** Provided data **
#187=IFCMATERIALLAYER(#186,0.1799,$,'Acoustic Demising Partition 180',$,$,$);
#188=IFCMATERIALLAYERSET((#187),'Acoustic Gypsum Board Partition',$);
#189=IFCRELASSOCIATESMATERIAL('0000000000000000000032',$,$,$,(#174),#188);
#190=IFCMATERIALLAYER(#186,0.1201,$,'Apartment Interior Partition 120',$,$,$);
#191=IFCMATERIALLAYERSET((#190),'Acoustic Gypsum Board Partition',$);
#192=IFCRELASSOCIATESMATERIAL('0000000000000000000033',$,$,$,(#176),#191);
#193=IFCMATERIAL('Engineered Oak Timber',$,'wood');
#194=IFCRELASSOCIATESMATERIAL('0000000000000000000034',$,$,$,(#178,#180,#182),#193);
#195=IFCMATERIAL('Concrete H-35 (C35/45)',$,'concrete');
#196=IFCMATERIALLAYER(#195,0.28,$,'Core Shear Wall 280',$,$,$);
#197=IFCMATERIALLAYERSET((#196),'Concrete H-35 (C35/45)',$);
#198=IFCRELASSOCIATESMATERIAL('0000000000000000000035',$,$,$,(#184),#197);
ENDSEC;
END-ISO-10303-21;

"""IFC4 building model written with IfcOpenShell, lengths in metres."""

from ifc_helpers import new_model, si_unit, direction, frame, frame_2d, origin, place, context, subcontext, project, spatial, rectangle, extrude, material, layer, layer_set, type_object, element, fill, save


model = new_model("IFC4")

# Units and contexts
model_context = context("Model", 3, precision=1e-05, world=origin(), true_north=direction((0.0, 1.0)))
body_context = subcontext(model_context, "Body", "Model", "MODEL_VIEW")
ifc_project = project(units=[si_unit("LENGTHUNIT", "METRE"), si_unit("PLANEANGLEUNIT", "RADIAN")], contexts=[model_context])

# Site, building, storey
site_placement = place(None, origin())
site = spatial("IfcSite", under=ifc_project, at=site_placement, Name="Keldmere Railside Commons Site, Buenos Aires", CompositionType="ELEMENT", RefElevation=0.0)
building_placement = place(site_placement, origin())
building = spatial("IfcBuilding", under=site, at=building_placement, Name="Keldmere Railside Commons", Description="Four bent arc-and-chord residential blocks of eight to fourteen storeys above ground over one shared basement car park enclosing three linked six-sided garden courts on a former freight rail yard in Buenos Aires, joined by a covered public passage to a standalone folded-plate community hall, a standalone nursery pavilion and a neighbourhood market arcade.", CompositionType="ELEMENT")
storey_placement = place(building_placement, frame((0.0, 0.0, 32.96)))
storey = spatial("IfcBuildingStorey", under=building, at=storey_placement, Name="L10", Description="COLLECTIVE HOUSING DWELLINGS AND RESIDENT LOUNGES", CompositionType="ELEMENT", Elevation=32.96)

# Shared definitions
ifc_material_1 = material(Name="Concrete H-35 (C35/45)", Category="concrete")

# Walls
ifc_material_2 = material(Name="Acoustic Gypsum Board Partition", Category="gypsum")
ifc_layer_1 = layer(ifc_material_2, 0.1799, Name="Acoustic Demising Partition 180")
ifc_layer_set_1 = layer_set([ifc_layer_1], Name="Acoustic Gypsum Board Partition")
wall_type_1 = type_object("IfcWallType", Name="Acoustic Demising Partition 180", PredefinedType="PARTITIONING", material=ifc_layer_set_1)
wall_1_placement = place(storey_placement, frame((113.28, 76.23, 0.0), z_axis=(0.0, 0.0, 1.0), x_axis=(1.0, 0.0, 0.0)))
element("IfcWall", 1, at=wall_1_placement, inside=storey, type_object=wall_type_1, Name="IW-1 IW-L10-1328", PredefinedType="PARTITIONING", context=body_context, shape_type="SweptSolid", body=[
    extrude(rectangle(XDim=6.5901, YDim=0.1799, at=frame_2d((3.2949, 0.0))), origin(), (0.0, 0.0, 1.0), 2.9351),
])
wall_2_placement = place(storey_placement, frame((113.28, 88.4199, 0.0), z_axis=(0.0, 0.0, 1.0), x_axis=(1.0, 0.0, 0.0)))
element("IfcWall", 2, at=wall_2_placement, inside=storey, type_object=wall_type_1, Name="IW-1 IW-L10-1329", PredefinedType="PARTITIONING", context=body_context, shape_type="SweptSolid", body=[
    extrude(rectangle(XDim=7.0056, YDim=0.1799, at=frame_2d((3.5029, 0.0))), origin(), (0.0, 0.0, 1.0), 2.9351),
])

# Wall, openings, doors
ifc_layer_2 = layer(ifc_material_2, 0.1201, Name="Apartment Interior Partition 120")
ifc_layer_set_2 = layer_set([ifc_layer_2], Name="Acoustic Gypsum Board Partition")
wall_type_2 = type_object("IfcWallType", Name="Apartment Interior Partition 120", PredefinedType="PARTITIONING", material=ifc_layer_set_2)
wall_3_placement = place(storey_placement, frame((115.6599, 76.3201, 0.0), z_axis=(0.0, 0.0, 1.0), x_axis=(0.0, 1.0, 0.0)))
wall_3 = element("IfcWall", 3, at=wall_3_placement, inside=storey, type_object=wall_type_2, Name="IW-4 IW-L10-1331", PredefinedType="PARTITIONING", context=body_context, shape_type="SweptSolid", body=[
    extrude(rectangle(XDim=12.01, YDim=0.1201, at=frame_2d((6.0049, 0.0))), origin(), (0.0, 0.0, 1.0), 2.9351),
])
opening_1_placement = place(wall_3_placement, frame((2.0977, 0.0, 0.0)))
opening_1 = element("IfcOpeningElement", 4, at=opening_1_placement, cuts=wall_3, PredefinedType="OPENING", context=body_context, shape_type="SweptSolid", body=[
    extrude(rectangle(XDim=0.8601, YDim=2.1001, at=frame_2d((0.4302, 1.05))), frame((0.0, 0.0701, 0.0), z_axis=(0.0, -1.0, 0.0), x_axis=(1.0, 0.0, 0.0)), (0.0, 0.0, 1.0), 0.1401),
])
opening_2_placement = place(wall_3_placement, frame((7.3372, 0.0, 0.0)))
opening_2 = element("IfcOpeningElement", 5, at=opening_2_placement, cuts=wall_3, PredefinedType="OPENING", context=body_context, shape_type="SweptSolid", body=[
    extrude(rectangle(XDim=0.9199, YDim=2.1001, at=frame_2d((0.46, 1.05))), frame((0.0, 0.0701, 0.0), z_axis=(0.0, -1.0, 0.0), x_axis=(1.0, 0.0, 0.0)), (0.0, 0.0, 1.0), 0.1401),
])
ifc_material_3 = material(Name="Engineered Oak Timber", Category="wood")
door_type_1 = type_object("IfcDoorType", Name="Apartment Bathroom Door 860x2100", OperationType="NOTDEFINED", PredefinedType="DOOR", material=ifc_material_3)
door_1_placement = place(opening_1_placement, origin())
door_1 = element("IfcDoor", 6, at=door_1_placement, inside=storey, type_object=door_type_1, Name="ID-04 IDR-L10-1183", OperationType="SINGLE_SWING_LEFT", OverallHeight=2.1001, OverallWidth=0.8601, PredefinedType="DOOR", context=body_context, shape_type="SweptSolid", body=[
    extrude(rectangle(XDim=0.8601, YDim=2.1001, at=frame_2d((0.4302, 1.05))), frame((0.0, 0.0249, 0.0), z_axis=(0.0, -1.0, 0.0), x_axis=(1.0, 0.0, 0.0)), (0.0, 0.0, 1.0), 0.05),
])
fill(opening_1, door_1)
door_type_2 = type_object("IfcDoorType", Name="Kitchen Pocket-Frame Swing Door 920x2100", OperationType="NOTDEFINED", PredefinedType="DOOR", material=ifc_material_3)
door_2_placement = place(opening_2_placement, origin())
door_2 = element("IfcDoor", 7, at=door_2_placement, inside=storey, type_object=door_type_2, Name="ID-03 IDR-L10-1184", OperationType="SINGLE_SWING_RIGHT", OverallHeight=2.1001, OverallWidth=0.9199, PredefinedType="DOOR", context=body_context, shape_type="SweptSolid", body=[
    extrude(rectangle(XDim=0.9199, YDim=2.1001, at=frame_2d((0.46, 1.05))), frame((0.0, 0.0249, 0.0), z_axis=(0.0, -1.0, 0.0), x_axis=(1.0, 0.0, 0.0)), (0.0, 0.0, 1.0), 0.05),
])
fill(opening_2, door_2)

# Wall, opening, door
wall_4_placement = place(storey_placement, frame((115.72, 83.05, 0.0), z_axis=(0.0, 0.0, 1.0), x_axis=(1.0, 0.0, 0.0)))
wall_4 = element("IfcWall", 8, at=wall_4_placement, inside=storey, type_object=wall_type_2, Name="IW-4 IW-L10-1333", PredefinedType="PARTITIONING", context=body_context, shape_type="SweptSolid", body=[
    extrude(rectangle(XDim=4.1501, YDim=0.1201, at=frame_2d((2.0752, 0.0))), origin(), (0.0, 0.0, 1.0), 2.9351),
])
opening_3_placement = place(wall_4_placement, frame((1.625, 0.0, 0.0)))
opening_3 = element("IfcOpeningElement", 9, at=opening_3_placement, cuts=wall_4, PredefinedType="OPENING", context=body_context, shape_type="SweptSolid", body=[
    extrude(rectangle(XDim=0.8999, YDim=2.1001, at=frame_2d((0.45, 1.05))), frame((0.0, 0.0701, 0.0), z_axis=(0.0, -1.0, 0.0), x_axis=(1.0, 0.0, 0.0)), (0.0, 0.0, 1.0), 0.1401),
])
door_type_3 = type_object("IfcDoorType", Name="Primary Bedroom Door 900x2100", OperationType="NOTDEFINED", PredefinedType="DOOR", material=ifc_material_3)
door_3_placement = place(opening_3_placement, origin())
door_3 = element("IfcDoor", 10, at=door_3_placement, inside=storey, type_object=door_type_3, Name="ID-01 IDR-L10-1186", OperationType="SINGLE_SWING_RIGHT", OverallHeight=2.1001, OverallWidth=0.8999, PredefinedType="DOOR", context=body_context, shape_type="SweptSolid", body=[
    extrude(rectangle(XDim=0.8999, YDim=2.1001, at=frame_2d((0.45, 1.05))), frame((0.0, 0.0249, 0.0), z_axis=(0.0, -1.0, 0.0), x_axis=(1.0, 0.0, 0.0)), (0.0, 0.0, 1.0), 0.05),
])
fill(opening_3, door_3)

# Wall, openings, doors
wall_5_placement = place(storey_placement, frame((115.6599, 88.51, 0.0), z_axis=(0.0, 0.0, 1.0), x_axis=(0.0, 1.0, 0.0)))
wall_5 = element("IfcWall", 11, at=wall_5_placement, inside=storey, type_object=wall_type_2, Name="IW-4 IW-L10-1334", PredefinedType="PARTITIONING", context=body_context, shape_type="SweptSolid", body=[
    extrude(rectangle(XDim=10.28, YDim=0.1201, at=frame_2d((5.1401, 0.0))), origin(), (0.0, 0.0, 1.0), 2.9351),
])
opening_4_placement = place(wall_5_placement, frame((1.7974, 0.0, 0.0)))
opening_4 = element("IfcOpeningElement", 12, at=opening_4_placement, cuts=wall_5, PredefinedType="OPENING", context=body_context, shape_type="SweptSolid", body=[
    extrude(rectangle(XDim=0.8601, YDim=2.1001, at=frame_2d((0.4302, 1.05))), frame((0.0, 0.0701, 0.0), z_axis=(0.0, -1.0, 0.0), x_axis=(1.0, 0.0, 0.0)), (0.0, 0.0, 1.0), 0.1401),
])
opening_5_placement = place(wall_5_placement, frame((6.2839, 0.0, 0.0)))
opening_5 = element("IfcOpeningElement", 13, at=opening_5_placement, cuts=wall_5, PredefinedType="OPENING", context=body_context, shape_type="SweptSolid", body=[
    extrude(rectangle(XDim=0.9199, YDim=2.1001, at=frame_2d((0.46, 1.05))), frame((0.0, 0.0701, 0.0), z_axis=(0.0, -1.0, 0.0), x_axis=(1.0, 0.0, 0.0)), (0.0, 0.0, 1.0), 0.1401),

** Exercise instructions **
Write out the records exactly, starting at the first line and stopping after the line that contains "Interior Partition 120',$,$,$);".

** Reply to the exercise **
#187=IFCMATERIALLAYER(#186,0.1799,$,'Acoustic Demising Partition 180',$,$,$);
#188=IFCMATERIALLAYERSET((#187),'Acoustic Gypsum Board Partition',$);
#189=IFCRELASSOCIATESMATERIAL('0000000000000000000032',$,$,$,(#174),#188);
#190=IFCMATERIALLAYER(#186,0.1201,$,'Apartment Interior Partition 120',$,$,$);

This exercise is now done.